* **WORK TO BE COMPLETED**: Quote precisely the final stretch of the listing: start at the line containing "#157=IFCINDEXEDPOLYGONALFACE((1,3,7,5));" and stop after the last line.

---------- SOURCE MATERIAL ----------

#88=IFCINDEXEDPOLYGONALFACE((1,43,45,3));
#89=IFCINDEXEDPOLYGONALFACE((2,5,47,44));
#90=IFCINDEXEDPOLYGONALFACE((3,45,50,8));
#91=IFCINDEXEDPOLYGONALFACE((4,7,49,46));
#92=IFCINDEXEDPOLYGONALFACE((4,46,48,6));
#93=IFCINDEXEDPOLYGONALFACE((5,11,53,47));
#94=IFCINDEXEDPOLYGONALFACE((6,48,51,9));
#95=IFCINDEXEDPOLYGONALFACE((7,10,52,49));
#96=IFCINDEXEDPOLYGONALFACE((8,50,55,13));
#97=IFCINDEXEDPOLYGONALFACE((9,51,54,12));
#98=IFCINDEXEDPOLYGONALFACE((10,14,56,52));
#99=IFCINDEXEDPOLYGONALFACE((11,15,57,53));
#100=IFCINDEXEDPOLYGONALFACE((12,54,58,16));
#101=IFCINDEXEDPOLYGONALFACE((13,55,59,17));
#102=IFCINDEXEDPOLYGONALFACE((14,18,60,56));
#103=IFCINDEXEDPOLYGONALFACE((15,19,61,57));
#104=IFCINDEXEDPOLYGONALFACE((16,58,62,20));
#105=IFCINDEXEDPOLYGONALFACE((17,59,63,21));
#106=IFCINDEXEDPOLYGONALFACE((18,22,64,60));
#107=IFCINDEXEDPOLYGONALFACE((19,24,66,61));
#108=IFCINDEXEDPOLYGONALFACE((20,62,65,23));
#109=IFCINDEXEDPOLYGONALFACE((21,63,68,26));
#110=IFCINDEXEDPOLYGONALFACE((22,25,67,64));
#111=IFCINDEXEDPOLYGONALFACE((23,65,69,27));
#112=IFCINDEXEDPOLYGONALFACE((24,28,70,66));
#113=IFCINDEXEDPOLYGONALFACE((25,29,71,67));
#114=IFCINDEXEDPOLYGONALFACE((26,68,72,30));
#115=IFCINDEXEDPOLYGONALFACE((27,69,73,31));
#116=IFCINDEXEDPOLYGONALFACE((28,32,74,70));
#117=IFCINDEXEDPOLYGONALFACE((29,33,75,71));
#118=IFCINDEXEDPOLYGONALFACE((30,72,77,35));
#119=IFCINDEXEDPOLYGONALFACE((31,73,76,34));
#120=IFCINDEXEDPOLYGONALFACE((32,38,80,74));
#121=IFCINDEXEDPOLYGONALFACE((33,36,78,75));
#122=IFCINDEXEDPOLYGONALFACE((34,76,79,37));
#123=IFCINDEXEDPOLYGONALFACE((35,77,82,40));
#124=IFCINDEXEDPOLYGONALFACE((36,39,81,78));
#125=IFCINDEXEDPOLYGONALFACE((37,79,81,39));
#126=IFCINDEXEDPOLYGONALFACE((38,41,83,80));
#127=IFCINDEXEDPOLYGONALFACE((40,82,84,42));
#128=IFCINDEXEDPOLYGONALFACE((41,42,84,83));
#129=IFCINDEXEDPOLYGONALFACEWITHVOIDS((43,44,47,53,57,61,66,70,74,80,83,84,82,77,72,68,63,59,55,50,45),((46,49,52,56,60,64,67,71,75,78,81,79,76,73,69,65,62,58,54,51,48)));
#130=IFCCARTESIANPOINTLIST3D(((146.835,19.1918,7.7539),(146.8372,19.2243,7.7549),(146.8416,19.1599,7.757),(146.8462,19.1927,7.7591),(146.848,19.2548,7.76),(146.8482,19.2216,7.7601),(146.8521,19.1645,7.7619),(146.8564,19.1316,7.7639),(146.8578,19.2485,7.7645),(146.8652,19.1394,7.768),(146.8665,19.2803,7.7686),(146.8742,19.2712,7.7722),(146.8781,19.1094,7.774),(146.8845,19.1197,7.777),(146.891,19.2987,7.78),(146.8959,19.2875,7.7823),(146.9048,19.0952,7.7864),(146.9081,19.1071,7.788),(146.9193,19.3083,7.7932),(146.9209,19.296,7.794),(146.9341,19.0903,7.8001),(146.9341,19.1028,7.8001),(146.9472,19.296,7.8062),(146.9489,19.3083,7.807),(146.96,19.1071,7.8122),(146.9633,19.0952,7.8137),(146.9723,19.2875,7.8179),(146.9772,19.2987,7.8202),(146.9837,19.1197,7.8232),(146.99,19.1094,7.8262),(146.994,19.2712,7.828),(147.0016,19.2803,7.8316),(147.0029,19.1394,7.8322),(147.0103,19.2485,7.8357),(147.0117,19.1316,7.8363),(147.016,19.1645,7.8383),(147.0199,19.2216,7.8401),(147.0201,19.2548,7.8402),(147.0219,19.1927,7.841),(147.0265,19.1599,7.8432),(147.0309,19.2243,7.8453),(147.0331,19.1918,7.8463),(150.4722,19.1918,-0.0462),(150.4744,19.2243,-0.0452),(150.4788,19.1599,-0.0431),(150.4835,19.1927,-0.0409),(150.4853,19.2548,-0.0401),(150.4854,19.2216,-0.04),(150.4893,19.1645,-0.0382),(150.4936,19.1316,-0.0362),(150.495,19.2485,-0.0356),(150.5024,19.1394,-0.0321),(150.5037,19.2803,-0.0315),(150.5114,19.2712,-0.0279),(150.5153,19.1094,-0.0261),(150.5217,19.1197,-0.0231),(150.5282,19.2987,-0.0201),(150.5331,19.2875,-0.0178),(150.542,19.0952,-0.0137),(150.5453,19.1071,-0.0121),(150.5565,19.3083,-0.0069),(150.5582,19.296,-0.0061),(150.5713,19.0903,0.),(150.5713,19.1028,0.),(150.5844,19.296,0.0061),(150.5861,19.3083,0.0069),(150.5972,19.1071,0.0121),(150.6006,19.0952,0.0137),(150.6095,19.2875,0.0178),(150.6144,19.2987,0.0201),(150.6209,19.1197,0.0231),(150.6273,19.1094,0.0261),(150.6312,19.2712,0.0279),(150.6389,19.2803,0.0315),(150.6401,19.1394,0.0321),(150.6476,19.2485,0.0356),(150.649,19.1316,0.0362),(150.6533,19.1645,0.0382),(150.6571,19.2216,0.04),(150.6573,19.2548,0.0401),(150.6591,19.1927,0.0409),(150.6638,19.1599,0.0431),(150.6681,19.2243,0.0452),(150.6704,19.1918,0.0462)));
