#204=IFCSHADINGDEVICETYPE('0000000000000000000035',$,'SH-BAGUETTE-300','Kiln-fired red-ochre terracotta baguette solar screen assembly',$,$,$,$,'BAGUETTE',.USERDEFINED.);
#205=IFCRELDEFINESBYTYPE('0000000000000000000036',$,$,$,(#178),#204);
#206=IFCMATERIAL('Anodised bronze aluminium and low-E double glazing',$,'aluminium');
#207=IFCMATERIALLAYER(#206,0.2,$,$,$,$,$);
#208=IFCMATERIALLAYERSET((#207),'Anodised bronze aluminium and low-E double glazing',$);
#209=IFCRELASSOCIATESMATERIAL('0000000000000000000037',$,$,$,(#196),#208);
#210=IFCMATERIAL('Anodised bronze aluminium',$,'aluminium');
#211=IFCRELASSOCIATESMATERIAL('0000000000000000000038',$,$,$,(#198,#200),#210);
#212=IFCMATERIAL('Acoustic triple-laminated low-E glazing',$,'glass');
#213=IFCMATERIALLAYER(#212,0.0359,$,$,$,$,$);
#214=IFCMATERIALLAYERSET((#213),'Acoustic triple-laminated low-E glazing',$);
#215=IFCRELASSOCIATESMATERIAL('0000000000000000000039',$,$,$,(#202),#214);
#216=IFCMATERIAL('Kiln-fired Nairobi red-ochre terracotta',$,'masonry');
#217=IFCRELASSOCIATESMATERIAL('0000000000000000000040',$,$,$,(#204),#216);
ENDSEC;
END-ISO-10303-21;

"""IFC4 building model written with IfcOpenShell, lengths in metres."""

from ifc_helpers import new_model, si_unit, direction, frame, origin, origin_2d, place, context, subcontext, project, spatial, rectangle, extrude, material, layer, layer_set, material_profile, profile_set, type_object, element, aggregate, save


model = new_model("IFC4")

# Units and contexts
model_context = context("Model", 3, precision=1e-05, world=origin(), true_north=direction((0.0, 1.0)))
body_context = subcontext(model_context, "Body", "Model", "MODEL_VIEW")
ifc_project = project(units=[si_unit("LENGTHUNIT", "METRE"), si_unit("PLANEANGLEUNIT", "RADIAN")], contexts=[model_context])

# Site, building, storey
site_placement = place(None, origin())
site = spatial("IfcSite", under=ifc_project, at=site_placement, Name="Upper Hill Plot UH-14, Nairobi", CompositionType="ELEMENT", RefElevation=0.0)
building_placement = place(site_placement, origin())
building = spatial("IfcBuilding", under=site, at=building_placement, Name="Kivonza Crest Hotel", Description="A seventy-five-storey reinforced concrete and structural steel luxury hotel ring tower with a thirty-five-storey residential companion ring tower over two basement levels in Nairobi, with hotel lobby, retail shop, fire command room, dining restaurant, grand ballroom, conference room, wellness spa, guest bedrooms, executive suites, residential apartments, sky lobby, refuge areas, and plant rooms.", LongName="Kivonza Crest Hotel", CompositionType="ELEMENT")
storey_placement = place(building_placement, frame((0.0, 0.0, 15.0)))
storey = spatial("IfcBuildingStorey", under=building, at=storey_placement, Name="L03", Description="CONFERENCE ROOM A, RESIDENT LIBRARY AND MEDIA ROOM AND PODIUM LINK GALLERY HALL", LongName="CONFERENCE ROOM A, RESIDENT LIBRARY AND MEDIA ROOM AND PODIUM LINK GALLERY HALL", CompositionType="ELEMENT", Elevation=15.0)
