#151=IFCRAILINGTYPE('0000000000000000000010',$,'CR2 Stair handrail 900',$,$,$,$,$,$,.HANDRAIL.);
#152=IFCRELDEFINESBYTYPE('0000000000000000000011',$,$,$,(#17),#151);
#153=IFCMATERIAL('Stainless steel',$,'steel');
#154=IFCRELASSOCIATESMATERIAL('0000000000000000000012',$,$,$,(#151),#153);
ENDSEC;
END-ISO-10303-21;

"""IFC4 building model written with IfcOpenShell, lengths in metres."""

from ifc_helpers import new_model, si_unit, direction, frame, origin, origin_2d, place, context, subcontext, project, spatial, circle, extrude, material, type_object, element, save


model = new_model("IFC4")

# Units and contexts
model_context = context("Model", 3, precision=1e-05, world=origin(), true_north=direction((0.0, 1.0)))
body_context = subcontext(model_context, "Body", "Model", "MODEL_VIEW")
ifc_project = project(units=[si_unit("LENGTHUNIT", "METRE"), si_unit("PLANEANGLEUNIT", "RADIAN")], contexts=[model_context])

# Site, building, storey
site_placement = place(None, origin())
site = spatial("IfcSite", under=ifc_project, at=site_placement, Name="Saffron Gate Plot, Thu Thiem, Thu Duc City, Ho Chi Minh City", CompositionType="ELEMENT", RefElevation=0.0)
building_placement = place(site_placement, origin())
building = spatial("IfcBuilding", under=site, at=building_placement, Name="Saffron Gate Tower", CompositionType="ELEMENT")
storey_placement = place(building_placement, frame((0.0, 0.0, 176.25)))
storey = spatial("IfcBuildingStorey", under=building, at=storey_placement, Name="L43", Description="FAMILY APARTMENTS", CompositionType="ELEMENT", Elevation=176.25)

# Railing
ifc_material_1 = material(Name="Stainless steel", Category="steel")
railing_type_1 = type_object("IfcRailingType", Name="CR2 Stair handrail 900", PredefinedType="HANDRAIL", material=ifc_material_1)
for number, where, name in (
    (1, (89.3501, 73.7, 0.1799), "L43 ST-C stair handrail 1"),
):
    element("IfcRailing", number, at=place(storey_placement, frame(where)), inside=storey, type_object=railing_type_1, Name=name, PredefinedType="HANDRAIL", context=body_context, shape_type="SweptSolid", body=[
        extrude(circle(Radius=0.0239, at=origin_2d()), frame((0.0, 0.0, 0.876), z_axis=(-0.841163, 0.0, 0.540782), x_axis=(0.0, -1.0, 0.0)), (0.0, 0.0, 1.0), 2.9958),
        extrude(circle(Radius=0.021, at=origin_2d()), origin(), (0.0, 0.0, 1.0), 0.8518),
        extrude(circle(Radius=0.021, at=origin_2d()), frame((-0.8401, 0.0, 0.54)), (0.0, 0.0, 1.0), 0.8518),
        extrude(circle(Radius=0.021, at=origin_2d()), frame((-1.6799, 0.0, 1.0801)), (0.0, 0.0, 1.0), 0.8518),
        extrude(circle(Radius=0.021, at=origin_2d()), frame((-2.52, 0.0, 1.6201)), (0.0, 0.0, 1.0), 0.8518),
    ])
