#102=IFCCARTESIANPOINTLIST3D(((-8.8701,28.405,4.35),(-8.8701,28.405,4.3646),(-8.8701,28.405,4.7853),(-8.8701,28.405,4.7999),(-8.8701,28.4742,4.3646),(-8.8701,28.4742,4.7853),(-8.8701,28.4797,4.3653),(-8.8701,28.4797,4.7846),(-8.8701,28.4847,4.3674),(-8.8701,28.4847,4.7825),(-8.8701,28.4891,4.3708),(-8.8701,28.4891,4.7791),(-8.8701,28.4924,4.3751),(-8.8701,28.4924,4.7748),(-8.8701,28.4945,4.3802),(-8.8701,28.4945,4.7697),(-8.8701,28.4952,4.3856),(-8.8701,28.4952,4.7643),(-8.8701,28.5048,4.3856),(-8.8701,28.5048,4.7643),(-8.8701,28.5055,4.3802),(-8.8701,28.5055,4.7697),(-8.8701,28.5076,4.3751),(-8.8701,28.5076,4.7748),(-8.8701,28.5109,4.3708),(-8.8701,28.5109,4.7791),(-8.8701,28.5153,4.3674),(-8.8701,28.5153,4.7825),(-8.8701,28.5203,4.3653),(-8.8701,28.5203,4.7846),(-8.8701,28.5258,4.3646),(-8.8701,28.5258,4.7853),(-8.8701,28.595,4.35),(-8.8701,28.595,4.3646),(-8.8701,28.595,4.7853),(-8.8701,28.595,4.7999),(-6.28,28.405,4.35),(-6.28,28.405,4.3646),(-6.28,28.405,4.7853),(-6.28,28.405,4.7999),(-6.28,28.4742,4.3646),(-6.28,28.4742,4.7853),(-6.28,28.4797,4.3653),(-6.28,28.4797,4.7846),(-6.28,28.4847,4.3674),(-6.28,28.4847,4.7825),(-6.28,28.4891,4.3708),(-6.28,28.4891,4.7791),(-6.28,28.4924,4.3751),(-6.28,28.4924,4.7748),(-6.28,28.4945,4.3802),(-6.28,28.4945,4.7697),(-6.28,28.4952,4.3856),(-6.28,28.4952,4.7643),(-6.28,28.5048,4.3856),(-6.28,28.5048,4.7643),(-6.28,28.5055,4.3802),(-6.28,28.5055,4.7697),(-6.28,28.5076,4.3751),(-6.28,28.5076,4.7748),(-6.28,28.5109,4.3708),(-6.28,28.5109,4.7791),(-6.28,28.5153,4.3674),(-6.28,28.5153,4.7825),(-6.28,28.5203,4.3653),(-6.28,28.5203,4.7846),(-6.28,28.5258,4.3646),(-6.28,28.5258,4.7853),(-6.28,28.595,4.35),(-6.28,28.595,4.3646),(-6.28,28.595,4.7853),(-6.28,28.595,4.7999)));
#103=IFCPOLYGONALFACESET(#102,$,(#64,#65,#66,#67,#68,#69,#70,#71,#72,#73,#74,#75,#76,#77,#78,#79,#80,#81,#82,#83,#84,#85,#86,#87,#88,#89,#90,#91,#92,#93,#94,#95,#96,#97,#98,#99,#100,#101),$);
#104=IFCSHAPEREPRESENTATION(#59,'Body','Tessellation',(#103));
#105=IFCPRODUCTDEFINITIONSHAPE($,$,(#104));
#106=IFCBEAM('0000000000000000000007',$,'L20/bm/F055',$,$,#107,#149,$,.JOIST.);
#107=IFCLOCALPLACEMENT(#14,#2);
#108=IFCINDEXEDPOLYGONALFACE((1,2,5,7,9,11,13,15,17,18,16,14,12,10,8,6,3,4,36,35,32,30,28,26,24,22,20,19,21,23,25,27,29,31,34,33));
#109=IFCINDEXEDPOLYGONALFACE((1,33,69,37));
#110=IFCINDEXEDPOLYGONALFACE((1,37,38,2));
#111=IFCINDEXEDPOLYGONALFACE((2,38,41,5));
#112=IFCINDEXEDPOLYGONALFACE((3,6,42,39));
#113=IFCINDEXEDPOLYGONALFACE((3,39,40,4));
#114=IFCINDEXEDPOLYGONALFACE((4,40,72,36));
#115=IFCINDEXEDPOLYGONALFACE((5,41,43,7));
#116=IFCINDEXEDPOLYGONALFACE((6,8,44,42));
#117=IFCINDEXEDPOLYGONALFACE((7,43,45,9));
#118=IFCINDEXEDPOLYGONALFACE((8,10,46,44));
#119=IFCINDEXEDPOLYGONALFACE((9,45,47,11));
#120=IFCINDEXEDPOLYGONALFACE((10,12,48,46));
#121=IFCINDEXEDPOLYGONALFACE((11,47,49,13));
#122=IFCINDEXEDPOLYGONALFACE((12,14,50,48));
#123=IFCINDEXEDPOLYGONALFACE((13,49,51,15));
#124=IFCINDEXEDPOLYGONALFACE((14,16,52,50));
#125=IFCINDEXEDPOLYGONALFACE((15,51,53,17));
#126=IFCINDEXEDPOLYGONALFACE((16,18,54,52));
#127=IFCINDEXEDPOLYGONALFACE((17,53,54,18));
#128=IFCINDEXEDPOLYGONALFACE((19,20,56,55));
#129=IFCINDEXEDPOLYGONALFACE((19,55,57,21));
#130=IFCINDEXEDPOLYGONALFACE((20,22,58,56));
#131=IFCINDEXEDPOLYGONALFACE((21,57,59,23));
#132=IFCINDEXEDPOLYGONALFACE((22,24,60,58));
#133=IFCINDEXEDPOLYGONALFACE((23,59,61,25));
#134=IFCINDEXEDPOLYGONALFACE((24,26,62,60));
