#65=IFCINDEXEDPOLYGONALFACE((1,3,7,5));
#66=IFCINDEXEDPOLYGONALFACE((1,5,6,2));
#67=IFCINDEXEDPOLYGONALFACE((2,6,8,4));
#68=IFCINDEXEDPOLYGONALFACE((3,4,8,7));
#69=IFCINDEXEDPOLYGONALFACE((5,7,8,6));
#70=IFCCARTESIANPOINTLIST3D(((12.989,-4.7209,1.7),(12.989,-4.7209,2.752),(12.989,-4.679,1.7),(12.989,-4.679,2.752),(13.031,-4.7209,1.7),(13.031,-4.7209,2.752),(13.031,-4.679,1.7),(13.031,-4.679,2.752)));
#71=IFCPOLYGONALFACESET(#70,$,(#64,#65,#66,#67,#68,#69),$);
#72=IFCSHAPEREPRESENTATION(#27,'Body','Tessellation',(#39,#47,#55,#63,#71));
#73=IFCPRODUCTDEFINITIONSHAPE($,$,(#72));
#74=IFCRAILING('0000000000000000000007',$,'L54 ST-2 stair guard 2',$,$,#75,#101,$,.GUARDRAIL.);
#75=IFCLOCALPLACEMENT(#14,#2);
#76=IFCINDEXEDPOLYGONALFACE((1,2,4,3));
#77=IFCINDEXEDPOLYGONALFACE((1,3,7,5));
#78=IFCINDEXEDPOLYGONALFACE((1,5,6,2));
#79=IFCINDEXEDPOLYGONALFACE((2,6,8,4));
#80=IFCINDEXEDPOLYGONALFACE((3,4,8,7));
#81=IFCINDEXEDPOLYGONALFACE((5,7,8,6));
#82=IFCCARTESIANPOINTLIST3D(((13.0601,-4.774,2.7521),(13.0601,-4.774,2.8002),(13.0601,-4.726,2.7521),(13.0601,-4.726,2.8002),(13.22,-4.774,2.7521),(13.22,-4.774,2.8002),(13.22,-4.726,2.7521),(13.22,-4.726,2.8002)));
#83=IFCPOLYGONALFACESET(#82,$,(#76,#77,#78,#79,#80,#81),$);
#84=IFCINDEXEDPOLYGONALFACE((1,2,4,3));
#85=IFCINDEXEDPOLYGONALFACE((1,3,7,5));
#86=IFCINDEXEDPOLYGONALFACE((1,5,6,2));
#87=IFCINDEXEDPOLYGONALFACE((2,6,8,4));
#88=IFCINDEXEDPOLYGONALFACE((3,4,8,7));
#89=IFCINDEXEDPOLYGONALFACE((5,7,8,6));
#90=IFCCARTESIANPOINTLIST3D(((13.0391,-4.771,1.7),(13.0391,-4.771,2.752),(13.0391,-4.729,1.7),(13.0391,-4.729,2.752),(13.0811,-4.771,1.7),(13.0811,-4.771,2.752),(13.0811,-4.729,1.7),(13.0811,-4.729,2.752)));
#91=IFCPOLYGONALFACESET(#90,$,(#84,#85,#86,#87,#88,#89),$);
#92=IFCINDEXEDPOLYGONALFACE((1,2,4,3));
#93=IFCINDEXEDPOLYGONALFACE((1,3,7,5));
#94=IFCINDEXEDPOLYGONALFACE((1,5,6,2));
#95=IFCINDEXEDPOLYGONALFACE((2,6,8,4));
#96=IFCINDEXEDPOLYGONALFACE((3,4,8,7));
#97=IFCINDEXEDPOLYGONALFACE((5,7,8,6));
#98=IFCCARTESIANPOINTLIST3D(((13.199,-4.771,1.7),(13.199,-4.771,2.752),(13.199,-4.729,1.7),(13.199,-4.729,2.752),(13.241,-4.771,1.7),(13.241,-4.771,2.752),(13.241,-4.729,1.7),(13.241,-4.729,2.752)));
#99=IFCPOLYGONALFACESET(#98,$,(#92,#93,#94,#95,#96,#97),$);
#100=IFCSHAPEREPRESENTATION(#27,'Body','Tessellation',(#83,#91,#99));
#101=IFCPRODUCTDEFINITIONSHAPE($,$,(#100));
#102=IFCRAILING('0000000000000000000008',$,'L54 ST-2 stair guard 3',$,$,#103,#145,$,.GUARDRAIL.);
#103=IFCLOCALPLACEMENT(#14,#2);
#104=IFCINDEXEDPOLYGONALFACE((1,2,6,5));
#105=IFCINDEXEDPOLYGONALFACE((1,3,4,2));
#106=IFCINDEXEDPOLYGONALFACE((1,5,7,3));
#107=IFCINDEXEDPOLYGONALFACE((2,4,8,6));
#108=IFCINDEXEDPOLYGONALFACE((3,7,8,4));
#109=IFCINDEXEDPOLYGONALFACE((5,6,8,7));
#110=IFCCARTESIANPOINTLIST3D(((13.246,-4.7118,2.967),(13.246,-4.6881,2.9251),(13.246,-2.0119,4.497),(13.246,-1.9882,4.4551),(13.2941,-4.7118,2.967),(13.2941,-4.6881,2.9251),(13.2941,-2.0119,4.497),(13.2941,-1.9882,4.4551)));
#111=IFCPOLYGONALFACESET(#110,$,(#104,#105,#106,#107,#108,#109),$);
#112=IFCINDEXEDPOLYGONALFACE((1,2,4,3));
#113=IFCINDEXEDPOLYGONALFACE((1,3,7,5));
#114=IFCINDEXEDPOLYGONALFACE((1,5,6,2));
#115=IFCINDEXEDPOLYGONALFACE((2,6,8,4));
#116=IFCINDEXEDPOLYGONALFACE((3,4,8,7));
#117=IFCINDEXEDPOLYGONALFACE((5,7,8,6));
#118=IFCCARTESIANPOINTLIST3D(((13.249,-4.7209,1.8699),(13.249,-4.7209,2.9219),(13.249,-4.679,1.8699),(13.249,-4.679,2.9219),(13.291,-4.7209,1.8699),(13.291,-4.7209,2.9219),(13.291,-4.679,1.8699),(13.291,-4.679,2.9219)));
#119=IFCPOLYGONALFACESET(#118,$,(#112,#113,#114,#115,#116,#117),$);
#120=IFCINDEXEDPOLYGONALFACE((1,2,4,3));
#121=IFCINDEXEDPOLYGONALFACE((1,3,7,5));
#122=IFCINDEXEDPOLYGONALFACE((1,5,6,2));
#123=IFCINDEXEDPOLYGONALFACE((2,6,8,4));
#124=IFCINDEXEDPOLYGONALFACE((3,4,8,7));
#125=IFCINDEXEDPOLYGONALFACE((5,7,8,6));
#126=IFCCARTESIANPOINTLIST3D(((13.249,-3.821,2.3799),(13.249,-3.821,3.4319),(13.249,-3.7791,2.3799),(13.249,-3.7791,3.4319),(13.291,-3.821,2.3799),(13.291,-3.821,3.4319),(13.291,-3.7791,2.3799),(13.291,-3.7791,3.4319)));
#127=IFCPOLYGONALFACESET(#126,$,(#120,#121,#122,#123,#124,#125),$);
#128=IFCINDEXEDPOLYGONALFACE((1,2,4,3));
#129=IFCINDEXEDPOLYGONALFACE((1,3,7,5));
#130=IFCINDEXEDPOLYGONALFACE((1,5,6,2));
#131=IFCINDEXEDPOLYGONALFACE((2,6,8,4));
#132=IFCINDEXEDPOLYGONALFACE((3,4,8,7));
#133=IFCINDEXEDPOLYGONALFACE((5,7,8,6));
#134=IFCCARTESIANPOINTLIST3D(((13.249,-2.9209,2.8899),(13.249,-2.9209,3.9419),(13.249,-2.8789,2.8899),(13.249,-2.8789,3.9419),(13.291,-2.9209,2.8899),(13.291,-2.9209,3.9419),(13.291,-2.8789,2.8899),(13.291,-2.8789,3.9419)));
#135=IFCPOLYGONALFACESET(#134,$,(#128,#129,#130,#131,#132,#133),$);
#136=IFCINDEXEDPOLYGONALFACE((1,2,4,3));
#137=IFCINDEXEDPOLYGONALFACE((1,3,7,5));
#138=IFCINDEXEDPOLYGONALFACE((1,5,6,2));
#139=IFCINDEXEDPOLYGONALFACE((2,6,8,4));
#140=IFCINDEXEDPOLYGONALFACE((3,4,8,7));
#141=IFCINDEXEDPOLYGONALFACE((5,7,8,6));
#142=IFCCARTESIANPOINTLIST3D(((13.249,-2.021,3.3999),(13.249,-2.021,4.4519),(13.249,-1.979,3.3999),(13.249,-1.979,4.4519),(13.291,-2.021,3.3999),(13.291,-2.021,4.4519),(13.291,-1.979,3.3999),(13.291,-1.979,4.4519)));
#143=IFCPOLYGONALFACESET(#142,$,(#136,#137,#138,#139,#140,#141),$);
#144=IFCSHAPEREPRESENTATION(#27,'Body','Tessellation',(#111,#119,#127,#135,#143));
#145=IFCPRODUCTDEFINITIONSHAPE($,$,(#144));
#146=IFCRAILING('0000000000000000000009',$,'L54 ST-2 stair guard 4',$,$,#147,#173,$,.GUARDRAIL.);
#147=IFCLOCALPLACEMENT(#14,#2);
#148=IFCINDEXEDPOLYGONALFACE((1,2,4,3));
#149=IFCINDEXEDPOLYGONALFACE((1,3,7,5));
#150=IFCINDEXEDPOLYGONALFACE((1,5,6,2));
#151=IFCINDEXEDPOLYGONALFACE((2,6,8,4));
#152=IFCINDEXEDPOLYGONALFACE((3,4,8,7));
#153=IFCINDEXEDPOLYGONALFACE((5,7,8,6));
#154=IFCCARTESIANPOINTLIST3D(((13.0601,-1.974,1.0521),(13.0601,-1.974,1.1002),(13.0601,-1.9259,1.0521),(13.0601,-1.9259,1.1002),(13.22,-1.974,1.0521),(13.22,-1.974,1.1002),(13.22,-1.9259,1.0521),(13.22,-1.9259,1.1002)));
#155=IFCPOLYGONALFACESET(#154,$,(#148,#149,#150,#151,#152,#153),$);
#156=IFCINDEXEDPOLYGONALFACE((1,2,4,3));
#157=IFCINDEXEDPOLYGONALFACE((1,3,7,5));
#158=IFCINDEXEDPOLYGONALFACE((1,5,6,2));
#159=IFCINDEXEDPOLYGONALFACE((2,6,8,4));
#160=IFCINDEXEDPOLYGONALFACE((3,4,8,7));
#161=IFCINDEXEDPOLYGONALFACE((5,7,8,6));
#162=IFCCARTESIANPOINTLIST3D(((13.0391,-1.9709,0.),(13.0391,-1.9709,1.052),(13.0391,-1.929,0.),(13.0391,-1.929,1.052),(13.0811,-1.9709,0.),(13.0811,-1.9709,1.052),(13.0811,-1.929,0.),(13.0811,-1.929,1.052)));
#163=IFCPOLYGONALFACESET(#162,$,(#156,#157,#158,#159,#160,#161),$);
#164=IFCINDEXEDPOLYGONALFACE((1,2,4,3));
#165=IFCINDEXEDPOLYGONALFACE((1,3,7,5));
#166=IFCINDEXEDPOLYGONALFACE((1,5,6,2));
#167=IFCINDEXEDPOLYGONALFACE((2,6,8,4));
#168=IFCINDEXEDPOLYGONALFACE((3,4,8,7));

----------

* **WRITTEN REPLY**:
#157=IFCINDEXEDPOLYGONALFACE((1,3,7,5));
#158=IFCINDEXEDPOLYGONALFACE((1,5,6,2));
#159=IFCINDEXEDPOLYGONALFACE((2,6,8,4));
#160=IFCINDEXEDPOLYGONALFACE((3,4,8,7));
#161=IFCINDEXEDPOLYGONALFACE((5,7,8,6));
#162=IFCCARTESIANPOINTLIST3D(((13.0391,-1.9709,0.),(13.0391,-1.9709,1.052),(13.0391,-1.929,0.),(13.0391,-1.929,1.052),(13.0811,-1.9709,0.),(13.0811,-1.9709,1.052),(13.0811,-1.929,0.),(13.0811,-1.929,1.052)));
#163=IFCPOLYGONALFACESET(#162,$,(#156,#157,#158,#159,#160,#161),$);
#164=IFCINDEXEDPOLYGONALFACE((1,2,4,3));
#165=IFCINDEXEDPOLYGONALFACE((1,3,7,5));
#166=IFCINDEXEDPOLYGONALFACE((1,5,6,2));
#167=IFCINDEXEDPOLYGONALFACE((2,6,8,4));
#168=IFCINDEXEDPOLYGONALFACE((3,4,8,7));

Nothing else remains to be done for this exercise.